Repeat the whole of the data, keeping every detail the same.

──────── Information ────────

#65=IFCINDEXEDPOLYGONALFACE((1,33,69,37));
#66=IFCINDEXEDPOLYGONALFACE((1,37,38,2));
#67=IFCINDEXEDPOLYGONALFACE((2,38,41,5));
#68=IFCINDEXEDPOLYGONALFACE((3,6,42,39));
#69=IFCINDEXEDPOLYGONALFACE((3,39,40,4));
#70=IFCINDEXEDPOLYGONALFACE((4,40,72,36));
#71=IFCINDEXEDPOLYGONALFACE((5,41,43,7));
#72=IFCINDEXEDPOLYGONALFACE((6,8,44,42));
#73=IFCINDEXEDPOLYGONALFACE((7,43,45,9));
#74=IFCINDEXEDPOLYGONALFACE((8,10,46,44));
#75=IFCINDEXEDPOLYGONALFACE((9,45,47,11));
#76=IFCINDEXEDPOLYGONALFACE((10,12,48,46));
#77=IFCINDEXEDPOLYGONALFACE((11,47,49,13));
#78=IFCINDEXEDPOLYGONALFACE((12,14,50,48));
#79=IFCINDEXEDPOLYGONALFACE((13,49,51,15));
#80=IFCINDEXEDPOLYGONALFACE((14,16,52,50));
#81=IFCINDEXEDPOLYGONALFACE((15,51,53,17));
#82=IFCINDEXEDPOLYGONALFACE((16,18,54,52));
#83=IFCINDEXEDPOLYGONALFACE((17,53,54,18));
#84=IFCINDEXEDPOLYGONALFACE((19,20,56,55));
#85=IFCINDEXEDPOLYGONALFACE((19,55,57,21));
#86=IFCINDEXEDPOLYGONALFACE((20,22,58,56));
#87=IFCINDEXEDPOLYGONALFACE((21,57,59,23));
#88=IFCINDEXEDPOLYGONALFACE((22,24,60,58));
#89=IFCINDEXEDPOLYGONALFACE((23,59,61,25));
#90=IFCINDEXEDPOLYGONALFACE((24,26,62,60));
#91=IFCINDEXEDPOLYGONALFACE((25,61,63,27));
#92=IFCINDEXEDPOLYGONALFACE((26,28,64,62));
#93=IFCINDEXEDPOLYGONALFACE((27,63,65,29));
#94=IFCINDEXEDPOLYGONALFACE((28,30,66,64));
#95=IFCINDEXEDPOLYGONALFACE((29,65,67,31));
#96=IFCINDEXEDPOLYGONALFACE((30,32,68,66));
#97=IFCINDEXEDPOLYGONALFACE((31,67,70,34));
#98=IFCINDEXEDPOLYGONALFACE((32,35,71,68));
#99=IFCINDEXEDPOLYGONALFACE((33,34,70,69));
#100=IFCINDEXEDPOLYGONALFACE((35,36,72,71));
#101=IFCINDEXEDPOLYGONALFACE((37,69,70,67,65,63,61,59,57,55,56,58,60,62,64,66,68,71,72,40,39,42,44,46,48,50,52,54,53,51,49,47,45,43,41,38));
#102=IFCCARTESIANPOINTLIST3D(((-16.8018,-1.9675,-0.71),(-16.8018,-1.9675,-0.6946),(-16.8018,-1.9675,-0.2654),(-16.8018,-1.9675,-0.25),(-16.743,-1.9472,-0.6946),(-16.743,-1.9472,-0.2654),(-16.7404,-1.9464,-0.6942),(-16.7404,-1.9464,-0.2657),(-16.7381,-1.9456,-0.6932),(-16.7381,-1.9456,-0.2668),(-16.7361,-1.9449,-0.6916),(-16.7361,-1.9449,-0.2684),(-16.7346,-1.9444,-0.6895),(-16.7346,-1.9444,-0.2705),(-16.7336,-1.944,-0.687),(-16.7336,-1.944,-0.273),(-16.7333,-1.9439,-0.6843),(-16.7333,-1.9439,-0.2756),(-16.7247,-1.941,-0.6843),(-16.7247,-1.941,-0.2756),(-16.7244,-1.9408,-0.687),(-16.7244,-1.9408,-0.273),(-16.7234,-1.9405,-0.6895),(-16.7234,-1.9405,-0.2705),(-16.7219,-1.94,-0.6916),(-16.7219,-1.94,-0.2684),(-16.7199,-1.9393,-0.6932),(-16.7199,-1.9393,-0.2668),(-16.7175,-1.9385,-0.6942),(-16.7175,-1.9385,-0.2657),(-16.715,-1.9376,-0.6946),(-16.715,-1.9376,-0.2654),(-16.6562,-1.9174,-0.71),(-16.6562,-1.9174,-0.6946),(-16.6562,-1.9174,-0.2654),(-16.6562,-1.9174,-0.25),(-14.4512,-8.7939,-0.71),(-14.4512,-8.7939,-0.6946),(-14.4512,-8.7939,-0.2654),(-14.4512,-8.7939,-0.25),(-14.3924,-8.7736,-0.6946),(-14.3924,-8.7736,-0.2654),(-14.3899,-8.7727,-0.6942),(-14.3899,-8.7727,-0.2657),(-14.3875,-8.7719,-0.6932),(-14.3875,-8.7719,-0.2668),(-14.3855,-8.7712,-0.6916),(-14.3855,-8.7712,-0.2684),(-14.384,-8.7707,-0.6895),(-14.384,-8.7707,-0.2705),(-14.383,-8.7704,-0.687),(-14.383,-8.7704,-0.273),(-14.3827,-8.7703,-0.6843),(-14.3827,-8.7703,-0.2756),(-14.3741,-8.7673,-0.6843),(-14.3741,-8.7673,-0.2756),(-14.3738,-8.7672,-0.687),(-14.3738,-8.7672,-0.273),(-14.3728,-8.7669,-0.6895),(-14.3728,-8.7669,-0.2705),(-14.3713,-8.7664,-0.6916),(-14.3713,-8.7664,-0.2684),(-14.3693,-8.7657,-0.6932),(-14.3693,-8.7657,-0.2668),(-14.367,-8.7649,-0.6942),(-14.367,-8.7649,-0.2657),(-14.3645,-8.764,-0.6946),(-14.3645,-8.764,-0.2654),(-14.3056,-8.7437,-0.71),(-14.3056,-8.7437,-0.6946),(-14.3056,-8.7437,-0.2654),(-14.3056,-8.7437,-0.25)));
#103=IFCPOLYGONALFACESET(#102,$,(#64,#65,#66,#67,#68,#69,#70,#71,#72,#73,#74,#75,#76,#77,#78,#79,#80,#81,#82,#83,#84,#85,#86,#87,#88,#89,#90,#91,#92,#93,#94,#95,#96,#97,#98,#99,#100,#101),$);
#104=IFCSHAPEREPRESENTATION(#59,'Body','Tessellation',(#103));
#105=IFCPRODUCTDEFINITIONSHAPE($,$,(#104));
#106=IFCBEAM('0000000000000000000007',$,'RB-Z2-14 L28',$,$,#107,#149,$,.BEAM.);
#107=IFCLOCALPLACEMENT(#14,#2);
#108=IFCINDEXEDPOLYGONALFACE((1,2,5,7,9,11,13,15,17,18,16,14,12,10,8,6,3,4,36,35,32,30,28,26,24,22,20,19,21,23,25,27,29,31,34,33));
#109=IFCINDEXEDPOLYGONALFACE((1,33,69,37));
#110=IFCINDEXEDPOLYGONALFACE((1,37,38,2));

────────

## Solution
#65=IFCINDEXEDPOLYGONALFACE((1,33,69,37));
#66=IFCINDEXEDPOLYGONALFACE((1,37,38,2));
#67=IFCINDEXEDPOLYGONALFACE((2,38,41,5));
#68=IFCINDEXEDPOLYGONALFACE((3,6,42,39));
#69=IFCINDEXEDPOLYGONALFACE((3,39,40,4));
#70=IFCINDEXEDPOLYGONALFACE((4,40,72,36));
#71=IFCINDEXEDPOLYGONALFACE((5,41,43,7));
#72=IFCINDEXEDPOLYGONALFACE((6,8,44,42));
#73=IFCINDEXEDPOLYGONALFACE((7,43,45,9));
#74=IFCINDEXEDPOLYGONALFACE((8,10,46,44));
#75=IFCINDEXEDPOLYGONALFACE((9,45,47,11));
#76=IFCINDEXEDPOLYGONALFACE((10,12,48,46));
#77=IFCINDEXEDPOLYGONALFACE((11,47,49,13));
#78=IFCINDEXEDPOLYGONALFACE((12,14,50,48));
#79=IFCINDEXEDPOLYGONALFACE((13,49,51,15));
#80=IFCINDEXEDPOLYGONALFACE((14,16,52,50));
#81=IFCINDEXEDPOLYGONALFACE((15,51,53,17));
#82=IFCINDEXEDPOLYGONALFACE((16,18,54,52));
#83=IFCINDEXEDPOLYGONALFACE((17,53,54,18));
#84=IFCINDEXEDPOLYGONALFACE((19,20,56,55));
#85=IFCINDEXEDPOLYGONALFACE((19,55,57,21));
#86=IFCINDEXEDPOLYGONALFACE((20,22,58,56));
#87=IFCINDEXEDPOLYGONALFACE((21,57,59,23));
#88=IFCINDEXEDPOLYGONALFACE((22,24,60,58));
#89=IFCINDEXEDPOLYGONALFACE((23,59,61,25));
#90=IFCINDEXEDPOLYGONALFACE((24,26,62,60));
#91=IFCINDEXEDPOLYGONALFACE((25,61,63,27));
#92=IFCINDEXEDPOLYGONALFACE((26,28,64,62));
#93=IFCINDEXEDPOLYGONALFACE((27,63,65,29));
#94=IFCINDEXEDPOLYGONALFACE((28,30,66,64));
#95=IFCINDEXEDPOLYGONALFACE((29,65,67,31));
#96=IFCINDEXEDPOLYGONALFACE((30,32,68,66));
#97=IFCINDEXEDPOLYGONALFACE((31,67,70,34));
#98=IFCINDEXEDPOLYGONALFACE((32,35,71,68));
#99=IFCINDEXEDPOLYGONALFACE((33,34,70,69));
#100=IFCINDEXEDPOLYGONALFACE((35,36,72,71));
#101=IFCINDEXEDPOLYGONALFACE((37,69,70,67,65,63,61,59,57,55,56,58,60,62,64,66,68,71,72,40,39,42,44,46,48,50,52,54,53,51,49,47,45,43,41,38));
#102=IFCCARTESIANPOINTLIST3D(((-16.8018,-1.9675,-0.71),(-16.8018,-1.9675,-0.6946),(-16.8018,-1.9675,-0.2654),(-16.8018,-1.9675,-0.25),(-16.743,-1.9472,-0.6946),(-16.743,-1.9472,-0.2654),(-16.7404,-1.9464,-0.6942),(-16.7404,-1.9464,-0.2657),(-16.7381,-1.9456,-0.6932),(-16.7381,-1.9456,-0.2668),(-16.7361,-1.9449,-0.6916),(-16.7361,-1.9449,-0.2684),(-16.7346,-1.9444,-0.6895),(-16.7346,-1.9444,-0.2705),(-16.7336,-1.944,-0.687),(-16.7336,-1.944,-0.273),(-16.7333,-1.9439,-0.6843),(-16.7333,-1.9439,-0.2756),(-16.7247,-1.941,-0.6843),(-16.7247,-1.941,-0.2756),(-16.7244,-1.9408,-0.687),(-16.7244,-1.9408,-0.273),(-16.7234,-1.9405,-0.6895),(-16.7234,-1.9405,-0.2705),(-16.7219,-1.94,-0.6916),(-16.7219,-1.94,-0.2684),(-16.7199,-1.9393,-0.6932),(-16.7199,-1.9393,-0.2668),(-16.7175,-1.9385,-0.6942),(-16.7175,-1.9385,-0.2657),(-16.715,-1.9376,-0.6946),(-16.715,-1.9376,-0.2654),(-16.6562,-1.9174,-0.71),(-16.6562,-1.9174,-0.6946),(-16.6562,-1.9174,-0.2654),(-16.6562,-1.9174,-0.25),(-14.4512,-8.7939,-0.71),(-14.4512,-8.7939,-0.6946),(-14.4512,-8.7939,-0.2654),(-14.4512,-8.7939,-0.25),(-14.3924,-8.7736,-0.6946),(-14.3924,-8.7736,-0.2654),(-14.3899,-8.7727,-0.6942),(-14.3899,-8.7727,-0.2657),(-14.3875,-8.7719,-0.6932),(-14.3875,-8.7719,-0.2668),(-14.3855,-8.7712,-0.6916),(-14.3855,-8.7712,-0.2684),(-14.384,-8.7707,-0.6895),(-14.384,-8.7707,-0.2705),(-14.383,-8.7704,-0.687),(-14.383,-8.7704,-0.273),(-14.3827,-8.7703,-0.6843),(-14.3827,-8.7703,-0.2756),(-14.3741,-8.7673,-0.6843),(-14.3741,-8.7673,-0.2756),(-14.3738,-8.7672,-0.687),(-14.3738,-8.7672,-0.273),(-14.3728,-8.7669,-0.6895),(-14.3728,-8.7669,-0.2705),(-14.3713,-8.7664,-0.6916),(-14.3713,-8.7664,-0.2684),(-14.3693,-8.7657,-0.6932),(-14.3693,-8.7657,-0.2668),(-14.367,-8.7649,-0.6942),(-14.367,-8.7649,-0.2657),(-14.3645,-8.764,-0.6946),(-14.3645,-8.764,-0.2654),(-14.3056,-8.7437,-0.71),(-14.3056,-8.7437,-0.6946),(-14.3056,-8.7437,-0.2654),(-14.3056,-8.7437,-0.25)));
#103=IFCPOLYGONALFACESET(#102,$,(#64,#65,#66,#67,#68,#69,#70,#71,#72,#73,#74,#75,#76,#77,#78,#79,#80,#81,#82,#83,#84,#85,#86,#87,#88,#89,#90,#91,#92,#93,#94,#95,#96,#97,#98,#99,#100,#101),$);
#104=IFCSHAPEREPRESENTATION(#59,'Body','Tessellation',(#103));
#105=IFCPRODUCTDEFINITIONSHAPE($,$,(#104));
#106=IFCBEAM('0000000000000000000007',$,'RB-Z2-14 L28',$,$,#107,#149,$,.BEAM.);
#107=IFCLOCALPLACEMENT(#14,#2);
#108=IFCINDEXEDPOLYGONALFACE((1,2,5,7,9,11,13,15,17,18,16,14,12,10,8,6,3,4,36,35,32,30,28,26,24,22,20,19,21,23,25,27,29,31,34,33));
#109=IFCINDEXEDPOLYGONALFACE((1,33,69,37));
#110=IFCINDEXEDPOLYGONALFACE((1,37,38,2));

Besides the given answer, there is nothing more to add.